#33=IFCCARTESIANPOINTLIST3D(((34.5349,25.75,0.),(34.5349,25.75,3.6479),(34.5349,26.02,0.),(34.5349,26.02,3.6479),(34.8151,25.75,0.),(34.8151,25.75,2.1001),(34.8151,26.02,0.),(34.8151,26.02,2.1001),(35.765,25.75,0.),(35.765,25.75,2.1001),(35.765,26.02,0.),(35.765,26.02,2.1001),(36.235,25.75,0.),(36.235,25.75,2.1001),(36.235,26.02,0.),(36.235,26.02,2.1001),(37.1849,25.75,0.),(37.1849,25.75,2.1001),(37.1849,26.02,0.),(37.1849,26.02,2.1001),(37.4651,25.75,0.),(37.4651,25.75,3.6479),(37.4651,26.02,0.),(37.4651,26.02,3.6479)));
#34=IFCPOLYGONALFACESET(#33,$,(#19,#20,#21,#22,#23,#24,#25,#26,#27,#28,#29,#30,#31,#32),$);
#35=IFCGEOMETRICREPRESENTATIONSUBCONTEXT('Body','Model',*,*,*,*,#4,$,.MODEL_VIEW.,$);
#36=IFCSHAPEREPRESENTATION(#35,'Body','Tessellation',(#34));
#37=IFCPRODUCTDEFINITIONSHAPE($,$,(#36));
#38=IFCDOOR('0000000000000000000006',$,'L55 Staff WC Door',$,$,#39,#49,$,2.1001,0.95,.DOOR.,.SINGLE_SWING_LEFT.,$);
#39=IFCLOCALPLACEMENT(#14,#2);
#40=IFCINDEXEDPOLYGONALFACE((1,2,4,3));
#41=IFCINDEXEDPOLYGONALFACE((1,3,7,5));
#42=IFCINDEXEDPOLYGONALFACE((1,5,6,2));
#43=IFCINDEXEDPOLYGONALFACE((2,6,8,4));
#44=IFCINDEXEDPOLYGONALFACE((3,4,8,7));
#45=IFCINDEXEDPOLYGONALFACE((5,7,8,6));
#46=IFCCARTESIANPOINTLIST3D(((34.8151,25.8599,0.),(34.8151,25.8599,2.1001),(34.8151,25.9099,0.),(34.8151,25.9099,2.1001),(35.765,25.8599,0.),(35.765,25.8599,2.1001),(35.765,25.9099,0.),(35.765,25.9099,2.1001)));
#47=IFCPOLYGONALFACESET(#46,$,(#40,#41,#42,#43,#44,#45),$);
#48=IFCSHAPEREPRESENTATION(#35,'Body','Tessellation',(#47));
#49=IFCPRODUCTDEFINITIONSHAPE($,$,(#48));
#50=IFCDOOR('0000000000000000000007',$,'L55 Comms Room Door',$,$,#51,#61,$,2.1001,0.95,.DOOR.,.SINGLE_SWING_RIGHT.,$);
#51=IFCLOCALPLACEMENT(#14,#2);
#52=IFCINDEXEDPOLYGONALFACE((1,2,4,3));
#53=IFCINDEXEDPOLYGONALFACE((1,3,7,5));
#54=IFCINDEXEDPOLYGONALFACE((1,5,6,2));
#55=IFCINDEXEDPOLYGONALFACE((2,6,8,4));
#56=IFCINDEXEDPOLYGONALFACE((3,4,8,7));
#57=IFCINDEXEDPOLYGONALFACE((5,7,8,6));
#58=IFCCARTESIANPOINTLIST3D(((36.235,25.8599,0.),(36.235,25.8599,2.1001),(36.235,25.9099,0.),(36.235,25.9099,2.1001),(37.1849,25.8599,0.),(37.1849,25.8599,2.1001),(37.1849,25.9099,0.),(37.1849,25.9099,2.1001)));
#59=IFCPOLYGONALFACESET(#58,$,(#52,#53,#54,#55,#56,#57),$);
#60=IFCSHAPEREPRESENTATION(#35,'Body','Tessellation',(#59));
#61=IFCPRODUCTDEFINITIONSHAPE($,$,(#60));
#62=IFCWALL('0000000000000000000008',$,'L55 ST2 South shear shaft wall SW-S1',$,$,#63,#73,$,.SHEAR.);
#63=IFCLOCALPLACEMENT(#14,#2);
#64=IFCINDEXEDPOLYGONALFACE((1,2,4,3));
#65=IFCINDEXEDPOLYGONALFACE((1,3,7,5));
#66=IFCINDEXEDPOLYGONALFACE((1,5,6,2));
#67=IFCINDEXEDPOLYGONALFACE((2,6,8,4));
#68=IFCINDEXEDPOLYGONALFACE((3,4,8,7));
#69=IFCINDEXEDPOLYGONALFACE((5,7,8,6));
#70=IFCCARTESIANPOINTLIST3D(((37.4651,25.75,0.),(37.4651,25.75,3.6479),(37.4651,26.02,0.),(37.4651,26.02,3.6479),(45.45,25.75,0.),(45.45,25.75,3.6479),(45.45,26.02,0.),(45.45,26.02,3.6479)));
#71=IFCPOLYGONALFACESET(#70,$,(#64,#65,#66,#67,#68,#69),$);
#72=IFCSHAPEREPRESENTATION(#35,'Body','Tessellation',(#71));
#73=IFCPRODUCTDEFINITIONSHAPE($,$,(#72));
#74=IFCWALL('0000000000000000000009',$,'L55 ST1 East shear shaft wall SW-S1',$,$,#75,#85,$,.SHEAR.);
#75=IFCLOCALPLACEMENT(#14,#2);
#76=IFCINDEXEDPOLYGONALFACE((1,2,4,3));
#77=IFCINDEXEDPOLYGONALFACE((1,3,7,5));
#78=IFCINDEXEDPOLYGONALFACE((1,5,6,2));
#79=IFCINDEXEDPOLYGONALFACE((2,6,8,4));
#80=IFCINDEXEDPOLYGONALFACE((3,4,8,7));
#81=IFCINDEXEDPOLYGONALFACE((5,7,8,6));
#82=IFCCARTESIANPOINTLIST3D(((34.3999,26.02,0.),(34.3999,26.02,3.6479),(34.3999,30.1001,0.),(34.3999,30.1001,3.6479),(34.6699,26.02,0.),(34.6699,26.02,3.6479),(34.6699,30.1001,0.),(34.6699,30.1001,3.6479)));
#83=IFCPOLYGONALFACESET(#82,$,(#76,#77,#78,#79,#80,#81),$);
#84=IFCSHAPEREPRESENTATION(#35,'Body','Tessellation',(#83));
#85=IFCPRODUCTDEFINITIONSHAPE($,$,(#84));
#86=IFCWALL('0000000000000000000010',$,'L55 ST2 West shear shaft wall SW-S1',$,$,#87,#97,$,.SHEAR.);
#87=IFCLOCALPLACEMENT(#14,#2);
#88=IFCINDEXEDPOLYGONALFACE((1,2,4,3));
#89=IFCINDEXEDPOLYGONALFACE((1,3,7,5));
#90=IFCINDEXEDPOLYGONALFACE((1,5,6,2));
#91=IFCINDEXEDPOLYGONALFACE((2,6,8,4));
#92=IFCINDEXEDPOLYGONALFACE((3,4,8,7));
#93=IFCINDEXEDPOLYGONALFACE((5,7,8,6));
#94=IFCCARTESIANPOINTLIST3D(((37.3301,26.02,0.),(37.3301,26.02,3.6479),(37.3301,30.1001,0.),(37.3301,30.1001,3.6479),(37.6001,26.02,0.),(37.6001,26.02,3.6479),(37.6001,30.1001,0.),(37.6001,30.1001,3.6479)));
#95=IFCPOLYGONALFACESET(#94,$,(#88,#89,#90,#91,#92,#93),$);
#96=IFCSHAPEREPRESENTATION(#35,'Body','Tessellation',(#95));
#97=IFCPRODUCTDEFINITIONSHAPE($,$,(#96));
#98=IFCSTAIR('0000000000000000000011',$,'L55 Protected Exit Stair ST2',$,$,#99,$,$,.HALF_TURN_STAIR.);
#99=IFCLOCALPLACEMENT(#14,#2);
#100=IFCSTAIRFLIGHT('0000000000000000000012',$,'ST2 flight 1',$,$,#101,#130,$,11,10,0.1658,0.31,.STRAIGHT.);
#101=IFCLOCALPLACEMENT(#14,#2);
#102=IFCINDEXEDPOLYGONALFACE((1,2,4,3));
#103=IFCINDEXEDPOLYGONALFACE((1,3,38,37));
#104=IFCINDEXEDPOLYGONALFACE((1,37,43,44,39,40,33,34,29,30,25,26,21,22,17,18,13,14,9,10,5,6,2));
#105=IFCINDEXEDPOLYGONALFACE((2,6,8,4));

○ ○ ○ ○

- [Work to be completed] Write out exactly the lines between the start of the entries and the line containing "#39=IFCLOCALPLACEMENT(#14,#2);", including that line and the first one.

- [Answer space]
#33=IFCCARTESIANPOINTLIST3D(((34.5349,25.75,0.),(34.5349,25.75,3.6479),(34.5349,26.02,0.),(34.5349,26.02,3.6479),(34.8151,25.75,0.),(34.8151,25.75,2.1001),(34.8151,26.02,0.),(34.8151,26.02,2.1001),(35.765,25.75,0.),(35.765,25.75,2.1001),(35.765,26.02,0.),(35.765,26.02,2.1001),(36.235,25.75,0.),(36.235,25.75,2.1001),(36.235,26.02,0.),(36.235,26.02,2.1001),(37.1849,25.75,0.),(37.1849,25.75,2.1001),(37.1849,26.02,0.),(37.1849,26.02,2.1001),(37.4651,25.75,0.),(37.4651,25.75,3.6479),(37.4651,26.02,0.),(37.4651,26.02,3.6479)));
#34=IFCPOLYGONALFACESET(#33,$,(#19,#20,#21,#22,#23,#24,#25,#26,#27,#28,#29,#30,#31,#32),$);
#35=IFCGEOMETRICREPRESENTATIONSUBCONTEXT('Body','Model',*,*,*,*,#4,$,.MODEL_VIEW.,$);
#36=IFCSHAPEREPRESENTATION(#35,'Body','Tessellation',(#34));
#37=IFCPRODUCTDEFINITIONSHAPE($,$,(#36));
#38=IFCDOOR('0000000000000000000006',$,'L55 Staff WC Door',$,$,#39,#49,$,2.1001,0.95,.DOOR.,.SINGLE_SWING_LEFT.,$);
#39=IFCLOCALPLACEMENT(#14,#2);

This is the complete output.